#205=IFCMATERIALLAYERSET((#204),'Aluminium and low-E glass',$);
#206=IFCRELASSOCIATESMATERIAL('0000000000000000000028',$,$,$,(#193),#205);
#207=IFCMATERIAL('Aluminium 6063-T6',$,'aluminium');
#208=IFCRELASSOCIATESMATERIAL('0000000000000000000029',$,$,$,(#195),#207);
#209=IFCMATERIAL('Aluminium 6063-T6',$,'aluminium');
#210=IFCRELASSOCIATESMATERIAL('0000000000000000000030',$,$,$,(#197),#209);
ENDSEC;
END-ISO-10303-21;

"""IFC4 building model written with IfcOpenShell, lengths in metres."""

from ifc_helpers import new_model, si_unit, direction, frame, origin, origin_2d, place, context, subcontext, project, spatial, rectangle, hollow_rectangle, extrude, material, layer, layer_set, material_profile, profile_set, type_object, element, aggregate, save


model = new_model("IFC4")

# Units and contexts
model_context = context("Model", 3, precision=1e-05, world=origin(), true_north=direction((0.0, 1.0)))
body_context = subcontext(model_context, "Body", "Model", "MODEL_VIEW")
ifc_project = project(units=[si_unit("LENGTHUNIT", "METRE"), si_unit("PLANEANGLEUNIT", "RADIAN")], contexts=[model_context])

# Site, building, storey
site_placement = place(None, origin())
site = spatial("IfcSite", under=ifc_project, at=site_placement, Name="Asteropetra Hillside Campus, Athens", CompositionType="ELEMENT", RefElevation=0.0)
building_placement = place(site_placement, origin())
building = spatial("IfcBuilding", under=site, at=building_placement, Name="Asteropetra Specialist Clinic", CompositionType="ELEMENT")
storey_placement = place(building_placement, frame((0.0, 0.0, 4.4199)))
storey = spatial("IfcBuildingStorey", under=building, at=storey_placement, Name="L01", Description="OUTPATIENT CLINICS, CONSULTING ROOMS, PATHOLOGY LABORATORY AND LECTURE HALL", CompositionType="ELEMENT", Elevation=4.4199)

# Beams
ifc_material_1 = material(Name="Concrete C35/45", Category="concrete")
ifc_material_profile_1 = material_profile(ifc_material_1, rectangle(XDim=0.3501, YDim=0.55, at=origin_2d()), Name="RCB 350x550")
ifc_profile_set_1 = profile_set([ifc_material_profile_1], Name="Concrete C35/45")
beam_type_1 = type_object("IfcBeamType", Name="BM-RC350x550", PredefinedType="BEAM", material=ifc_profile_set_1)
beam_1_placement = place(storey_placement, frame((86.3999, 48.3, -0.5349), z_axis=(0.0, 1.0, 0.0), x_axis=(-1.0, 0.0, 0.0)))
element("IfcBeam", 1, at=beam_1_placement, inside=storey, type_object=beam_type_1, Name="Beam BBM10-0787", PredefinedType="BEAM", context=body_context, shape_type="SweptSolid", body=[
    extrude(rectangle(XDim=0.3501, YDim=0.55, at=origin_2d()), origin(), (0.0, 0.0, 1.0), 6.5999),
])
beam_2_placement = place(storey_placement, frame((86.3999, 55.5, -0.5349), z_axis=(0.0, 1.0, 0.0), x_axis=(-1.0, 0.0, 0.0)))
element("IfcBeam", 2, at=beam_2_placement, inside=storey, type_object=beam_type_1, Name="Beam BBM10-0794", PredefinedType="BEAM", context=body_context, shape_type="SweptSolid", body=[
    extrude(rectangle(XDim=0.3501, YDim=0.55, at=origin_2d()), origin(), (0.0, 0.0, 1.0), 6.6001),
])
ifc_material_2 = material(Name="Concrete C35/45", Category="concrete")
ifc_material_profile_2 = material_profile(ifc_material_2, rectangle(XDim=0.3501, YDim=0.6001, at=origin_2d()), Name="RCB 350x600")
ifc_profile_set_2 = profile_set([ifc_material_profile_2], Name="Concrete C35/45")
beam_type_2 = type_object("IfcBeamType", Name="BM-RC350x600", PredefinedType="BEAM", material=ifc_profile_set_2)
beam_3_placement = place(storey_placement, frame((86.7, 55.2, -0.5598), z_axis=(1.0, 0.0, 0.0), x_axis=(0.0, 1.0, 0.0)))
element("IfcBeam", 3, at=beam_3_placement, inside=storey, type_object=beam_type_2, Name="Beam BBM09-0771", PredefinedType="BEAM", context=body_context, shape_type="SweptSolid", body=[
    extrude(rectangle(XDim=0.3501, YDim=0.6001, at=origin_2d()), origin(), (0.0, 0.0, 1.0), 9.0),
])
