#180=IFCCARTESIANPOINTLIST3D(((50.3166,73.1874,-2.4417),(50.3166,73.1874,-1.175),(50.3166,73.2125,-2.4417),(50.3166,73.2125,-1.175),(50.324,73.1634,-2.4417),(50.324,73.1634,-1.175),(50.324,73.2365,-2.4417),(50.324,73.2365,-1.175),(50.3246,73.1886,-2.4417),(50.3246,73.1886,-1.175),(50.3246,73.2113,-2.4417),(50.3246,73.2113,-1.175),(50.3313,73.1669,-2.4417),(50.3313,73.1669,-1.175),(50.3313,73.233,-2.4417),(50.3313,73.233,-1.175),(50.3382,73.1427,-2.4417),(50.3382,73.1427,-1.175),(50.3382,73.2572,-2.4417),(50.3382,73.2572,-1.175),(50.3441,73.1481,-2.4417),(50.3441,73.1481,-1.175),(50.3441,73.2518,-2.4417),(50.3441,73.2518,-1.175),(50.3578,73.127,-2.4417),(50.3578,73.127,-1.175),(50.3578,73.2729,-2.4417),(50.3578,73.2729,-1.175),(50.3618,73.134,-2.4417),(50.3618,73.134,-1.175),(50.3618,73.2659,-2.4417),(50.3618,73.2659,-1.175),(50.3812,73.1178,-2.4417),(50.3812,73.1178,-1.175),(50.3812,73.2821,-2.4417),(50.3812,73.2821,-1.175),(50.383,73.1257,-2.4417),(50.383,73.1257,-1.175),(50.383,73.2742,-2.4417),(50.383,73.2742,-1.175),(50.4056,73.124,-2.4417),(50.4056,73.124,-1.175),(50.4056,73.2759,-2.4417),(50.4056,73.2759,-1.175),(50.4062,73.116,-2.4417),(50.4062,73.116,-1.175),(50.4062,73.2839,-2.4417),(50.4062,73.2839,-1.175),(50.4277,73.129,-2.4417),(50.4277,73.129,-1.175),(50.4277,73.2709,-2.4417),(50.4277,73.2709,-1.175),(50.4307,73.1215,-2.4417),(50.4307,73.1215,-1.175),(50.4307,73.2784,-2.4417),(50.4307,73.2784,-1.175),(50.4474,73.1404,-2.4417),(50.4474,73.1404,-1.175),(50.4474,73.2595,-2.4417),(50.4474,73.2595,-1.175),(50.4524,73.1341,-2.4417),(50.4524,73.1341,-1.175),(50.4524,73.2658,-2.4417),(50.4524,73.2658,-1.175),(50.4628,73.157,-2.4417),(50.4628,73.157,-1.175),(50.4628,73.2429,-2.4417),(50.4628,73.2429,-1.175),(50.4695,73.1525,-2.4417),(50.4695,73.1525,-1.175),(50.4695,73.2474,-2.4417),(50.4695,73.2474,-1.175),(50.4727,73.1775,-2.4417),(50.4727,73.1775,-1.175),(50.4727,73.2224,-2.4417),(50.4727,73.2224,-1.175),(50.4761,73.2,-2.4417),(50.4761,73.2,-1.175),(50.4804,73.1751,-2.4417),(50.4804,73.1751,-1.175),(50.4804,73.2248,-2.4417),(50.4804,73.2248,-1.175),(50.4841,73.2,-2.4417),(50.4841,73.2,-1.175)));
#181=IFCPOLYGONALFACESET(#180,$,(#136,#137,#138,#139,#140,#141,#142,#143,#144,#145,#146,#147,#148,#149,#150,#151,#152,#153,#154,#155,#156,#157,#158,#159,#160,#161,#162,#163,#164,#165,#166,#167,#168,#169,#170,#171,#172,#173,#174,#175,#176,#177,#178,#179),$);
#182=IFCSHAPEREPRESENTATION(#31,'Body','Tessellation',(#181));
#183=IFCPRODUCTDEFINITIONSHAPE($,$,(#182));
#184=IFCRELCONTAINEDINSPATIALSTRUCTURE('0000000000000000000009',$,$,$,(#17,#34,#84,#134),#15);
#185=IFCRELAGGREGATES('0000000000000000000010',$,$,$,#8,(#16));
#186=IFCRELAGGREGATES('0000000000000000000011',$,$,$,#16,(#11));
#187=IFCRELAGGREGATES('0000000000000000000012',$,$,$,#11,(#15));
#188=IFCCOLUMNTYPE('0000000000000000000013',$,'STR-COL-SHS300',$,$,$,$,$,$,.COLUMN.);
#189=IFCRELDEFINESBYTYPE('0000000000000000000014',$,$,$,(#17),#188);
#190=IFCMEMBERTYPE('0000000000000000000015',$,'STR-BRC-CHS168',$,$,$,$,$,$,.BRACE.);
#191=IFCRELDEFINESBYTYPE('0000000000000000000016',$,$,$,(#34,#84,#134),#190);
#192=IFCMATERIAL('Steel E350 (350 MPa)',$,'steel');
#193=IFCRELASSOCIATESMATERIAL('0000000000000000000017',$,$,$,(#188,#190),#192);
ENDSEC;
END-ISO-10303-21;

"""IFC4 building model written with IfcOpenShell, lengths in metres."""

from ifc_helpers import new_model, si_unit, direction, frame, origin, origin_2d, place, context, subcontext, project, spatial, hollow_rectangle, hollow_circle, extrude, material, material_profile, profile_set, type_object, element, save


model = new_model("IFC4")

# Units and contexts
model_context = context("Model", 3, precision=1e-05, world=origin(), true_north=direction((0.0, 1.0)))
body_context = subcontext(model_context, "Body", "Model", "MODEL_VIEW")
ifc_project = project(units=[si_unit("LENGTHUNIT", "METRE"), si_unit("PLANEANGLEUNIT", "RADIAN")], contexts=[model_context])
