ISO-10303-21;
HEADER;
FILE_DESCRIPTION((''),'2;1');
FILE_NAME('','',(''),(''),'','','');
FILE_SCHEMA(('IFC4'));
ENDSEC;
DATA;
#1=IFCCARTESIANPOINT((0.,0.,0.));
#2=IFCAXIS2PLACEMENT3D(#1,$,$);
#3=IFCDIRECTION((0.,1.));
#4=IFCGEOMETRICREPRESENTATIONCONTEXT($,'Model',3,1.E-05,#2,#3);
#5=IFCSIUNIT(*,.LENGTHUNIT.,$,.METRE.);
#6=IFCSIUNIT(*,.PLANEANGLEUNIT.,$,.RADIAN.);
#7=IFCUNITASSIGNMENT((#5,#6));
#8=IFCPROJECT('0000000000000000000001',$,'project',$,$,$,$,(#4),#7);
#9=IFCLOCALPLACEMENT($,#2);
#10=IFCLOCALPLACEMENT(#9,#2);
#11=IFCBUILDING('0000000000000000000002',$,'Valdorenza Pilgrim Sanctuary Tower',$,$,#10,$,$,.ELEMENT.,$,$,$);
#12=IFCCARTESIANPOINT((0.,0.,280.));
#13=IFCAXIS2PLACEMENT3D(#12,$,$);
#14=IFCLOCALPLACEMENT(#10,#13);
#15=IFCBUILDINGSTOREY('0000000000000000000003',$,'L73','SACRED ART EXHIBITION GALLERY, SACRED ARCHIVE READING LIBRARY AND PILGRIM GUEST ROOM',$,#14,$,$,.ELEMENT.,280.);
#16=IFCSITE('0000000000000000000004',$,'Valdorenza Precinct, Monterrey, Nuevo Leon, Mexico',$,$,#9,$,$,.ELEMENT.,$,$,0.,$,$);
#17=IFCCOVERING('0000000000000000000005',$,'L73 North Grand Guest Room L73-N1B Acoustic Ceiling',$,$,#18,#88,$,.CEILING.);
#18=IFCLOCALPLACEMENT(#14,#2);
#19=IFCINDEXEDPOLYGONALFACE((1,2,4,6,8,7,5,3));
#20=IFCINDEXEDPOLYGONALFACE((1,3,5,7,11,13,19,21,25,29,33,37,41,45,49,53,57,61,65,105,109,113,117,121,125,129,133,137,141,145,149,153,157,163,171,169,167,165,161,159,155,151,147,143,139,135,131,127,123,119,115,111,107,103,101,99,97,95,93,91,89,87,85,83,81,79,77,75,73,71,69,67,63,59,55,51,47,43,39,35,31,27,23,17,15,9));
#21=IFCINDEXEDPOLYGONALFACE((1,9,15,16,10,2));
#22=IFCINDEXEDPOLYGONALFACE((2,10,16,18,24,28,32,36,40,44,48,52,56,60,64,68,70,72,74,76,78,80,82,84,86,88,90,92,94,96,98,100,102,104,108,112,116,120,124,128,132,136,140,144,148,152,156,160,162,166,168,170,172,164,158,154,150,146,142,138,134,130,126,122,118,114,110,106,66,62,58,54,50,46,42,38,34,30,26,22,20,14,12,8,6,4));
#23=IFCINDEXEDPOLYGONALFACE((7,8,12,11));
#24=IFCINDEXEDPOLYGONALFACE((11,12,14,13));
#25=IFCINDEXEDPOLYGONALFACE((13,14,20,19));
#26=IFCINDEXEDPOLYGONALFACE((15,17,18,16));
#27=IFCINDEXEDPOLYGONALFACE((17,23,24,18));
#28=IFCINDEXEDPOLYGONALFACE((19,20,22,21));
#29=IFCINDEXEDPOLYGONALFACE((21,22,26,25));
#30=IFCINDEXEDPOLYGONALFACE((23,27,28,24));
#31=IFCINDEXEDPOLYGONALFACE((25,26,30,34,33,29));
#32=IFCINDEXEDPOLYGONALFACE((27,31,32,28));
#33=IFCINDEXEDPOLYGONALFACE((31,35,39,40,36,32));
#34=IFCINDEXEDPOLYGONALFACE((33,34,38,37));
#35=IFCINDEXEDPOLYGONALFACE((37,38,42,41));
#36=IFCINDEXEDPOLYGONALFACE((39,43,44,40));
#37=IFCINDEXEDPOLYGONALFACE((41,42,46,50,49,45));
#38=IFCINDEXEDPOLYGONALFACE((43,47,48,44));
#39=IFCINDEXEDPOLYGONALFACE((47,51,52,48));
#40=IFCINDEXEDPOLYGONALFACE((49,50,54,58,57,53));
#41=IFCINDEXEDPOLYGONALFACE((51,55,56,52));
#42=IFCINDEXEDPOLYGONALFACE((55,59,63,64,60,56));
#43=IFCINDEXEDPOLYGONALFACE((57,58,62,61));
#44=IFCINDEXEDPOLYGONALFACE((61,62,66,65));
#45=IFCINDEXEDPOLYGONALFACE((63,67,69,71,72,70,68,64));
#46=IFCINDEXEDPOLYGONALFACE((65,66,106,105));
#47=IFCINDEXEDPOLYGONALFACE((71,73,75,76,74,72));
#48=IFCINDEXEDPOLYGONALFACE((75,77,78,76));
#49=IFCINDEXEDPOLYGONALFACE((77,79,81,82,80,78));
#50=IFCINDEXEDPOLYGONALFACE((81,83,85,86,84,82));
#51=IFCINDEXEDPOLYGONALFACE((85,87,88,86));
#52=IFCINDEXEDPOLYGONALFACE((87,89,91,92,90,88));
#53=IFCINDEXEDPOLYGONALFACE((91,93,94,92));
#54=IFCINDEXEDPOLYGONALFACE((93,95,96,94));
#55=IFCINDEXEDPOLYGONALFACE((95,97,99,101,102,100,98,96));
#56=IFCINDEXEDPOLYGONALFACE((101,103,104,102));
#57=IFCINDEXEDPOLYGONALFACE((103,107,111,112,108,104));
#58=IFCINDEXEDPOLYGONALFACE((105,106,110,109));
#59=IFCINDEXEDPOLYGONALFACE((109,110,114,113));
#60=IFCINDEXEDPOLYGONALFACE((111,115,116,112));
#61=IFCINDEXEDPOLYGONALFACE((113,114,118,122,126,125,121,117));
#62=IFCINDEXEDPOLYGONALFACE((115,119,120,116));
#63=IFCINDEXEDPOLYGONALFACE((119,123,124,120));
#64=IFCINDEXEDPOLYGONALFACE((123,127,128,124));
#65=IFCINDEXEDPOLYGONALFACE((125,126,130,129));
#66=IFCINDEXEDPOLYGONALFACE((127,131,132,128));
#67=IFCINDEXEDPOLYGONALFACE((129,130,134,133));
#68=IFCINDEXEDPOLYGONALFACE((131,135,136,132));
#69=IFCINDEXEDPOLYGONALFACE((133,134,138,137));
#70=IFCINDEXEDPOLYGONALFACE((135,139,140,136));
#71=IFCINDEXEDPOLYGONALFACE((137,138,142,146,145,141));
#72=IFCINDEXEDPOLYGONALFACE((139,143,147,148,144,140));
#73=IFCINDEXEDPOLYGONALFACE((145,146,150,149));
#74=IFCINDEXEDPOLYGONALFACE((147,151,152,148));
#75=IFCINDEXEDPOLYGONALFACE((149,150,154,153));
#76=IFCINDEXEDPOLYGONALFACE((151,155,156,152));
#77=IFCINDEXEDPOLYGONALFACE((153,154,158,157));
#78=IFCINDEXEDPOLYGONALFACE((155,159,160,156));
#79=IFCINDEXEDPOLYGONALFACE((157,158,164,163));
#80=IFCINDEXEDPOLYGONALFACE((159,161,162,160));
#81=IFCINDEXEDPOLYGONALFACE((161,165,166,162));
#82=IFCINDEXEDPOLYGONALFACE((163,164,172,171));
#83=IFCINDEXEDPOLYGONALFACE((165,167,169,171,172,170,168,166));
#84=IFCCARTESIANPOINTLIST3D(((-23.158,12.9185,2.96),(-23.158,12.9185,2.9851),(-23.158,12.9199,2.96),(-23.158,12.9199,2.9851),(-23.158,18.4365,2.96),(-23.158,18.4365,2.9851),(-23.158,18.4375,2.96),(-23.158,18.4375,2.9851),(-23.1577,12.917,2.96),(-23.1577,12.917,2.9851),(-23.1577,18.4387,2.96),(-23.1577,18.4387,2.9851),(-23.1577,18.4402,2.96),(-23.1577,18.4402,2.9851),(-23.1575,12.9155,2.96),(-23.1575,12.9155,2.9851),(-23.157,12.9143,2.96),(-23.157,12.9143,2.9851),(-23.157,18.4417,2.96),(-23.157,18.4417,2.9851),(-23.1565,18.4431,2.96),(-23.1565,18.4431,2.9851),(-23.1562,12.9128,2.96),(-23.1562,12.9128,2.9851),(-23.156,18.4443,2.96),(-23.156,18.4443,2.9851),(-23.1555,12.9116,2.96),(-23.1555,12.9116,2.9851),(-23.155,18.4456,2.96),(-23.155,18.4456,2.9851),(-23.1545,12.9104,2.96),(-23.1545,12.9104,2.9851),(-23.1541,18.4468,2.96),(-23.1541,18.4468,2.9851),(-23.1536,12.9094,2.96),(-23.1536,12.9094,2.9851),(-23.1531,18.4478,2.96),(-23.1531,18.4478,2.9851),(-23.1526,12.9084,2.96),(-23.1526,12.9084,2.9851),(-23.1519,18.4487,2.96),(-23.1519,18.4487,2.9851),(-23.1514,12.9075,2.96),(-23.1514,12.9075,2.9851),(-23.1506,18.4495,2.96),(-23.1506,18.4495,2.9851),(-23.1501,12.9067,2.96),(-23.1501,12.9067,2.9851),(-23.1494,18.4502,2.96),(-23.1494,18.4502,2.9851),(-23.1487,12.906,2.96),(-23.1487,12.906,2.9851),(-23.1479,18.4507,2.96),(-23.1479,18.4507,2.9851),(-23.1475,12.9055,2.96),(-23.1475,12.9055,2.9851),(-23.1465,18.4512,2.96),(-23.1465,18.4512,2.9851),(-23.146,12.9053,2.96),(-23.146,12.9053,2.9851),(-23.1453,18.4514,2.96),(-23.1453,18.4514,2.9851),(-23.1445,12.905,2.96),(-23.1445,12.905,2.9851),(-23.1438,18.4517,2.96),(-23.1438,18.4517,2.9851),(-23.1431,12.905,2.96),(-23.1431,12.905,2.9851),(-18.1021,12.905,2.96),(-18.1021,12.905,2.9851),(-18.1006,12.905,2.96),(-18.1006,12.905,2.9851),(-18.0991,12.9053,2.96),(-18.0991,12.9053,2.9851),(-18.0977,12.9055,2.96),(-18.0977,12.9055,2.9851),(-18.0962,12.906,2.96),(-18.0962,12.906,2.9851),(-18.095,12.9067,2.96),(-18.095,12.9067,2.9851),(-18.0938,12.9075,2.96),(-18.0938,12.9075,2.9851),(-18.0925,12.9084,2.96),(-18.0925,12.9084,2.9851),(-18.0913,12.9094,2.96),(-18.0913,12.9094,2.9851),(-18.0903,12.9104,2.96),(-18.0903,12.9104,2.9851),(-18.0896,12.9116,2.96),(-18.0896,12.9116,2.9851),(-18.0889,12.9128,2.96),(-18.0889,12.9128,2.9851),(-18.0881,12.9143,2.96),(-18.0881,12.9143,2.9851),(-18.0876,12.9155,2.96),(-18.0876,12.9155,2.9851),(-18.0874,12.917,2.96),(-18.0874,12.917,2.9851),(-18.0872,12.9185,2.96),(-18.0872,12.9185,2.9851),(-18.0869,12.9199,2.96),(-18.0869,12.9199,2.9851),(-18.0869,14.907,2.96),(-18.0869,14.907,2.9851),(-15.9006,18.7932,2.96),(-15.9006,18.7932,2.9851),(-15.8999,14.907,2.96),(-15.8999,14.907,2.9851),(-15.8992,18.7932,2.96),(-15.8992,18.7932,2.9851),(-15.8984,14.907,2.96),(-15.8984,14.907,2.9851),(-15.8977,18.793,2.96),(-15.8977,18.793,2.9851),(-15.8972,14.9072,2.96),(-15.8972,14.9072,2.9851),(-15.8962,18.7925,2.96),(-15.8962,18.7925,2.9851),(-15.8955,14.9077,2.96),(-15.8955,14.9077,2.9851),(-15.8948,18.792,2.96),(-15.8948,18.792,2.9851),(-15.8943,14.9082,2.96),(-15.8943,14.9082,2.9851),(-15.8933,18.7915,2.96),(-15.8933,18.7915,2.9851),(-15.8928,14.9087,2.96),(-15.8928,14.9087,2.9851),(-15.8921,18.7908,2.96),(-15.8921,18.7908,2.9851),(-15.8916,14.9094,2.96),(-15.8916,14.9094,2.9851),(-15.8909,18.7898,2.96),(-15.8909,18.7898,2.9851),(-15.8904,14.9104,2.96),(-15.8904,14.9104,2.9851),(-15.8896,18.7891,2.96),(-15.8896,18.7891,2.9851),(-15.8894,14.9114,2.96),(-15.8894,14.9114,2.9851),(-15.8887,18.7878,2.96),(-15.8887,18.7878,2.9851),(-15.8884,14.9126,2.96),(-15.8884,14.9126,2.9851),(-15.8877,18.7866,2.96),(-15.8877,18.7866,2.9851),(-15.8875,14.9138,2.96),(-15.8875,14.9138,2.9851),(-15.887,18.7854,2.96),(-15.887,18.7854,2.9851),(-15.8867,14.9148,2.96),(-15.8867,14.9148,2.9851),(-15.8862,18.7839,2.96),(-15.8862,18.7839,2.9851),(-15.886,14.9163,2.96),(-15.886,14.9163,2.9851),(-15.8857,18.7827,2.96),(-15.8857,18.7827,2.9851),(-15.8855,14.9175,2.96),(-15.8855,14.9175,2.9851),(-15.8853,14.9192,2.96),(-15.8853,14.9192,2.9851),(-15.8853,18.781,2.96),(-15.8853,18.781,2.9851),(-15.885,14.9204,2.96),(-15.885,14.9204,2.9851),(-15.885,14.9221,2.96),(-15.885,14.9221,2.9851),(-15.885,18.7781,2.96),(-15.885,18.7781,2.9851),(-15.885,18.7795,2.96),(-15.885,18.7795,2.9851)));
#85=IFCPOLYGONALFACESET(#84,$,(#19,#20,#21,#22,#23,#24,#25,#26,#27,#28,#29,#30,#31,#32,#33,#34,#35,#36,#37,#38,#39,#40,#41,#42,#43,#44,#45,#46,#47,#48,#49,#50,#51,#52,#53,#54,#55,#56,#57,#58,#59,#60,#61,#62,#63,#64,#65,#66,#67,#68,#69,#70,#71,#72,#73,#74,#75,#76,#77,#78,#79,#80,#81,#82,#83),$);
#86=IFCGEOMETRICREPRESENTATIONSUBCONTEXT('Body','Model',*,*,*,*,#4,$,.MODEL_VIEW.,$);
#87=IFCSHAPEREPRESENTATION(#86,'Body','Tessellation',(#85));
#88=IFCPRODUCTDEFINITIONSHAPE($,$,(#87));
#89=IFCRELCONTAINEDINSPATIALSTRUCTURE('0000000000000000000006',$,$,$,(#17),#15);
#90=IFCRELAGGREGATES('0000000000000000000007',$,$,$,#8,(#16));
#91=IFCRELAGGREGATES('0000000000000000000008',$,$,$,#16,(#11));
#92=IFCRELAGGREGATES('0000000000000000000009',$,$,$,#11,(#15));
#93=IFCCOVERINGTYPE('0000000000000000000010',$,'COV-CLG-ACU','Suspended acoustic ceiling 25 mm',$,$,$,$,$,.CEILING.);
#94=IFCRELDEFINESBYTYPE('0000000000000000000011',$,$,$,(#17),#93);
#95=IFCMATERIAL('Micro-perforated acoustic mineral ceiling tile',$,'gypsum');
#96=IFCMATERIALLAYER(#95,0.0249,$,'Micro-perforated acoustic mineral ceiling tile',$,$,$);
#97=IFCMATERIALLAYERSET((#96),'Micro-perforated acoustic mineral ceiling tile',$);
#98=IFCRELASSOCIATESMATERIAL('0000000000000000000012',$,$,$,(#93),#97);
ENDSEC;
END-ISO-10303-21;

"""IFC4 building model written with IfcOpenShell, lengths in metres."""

from ifc_helpers import new_model, si_unit, direction, frame, origin, place, context, subcontext, project, spatial, polyline, outline, extrude, material, layer, layer_set, type_object, element, save


model = new_model("IFC4")

# Units and contexts
model_context = context("Model", 3, precision=1e-05, world=origin(), true_north=direction((0.0, 1.0)))
body_context = subcontext(model_context, "Body", "Model", "MODEL_VIEW")
ifc_project = project(units=[si_unit("LENGTHUNIT", "METRE"), si_unit("PLANEANGLEUNIT", "RADIAN")], contexts=[model_context])

# Site, building, storey
site_placement = place(None, origin())
site = spatial("IfcSite", under=ifc_project, at=site_placement, Name="Valdorenza Precinct, Monterrey, Nuevo Leon, Mexico", CompositionType="ELEMENT", RefElevation=0.0)
building_placement = place(site_placement, origin())
building = spatial("IfcBuilding", under=site, at=building_placement, Name="Valdorenza Pilgrim Sanctuary Tower", CompositionType="ELEMENT")
storey_placement = place(building_placement, frame((0.0, 0.0, 280.0)))
storey = spatial("IfcBuildingStorey", under=building, at=storey_placement, Name="L73", Description="SACRED ART EXHIBITION GALLERY, SACRED ARCHIVE READING LIBRARY AND PILGRIM GUEST ROOM", CompositionType="ELEMENT", Elevation=280.0)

**********

WHAT THE TASK REQUIRES: Reproduce verbatim the lines above, from the line with "#72=IFCINDEXEDPOLYGONALFACE((139,143,147,148,144,140));" through the line with "#83=IFCINDEXEDPOLYGONALFACE((165,167,169,171,172,170,168,166));".

ANSWER SECTION:
#72=IFCINDEXEDPOLYGONALFACE((139,143,147,148,144,140));
#73=IFCINDEXEDPOLYGONALFACE((145,146,150,149));
#74=IFCINDEXEDPOLYGONALFACE((147,151,152,148));
#75=IFCINDEXEDPOLYGONALFACE((149,150,154,153));
#76=IFCINDEXEDPOLYGONALFACE((151,155,156,152));
#77=IFCINDEXEDPOLYGONALFACE((153,154,158,157));
#78=IFCINDEXEDPOLYGONALFACE((155,159,160,156));
#79=IFCINDEXEDPOLYGONALFACE((157,158,164,163));
#80=IFCINDEXEDPOLYGONALFACE((159,161,162,160));
#81=IFCINDEXEDPOLYGONALFACE((161,165,166,162));
#82=IFCINDEXEDPOLYGONALFACE((163,164,172,171));
#83=IFCINDEXEDPOLYGONALFACE((165,167,169,171,172,170,168,166));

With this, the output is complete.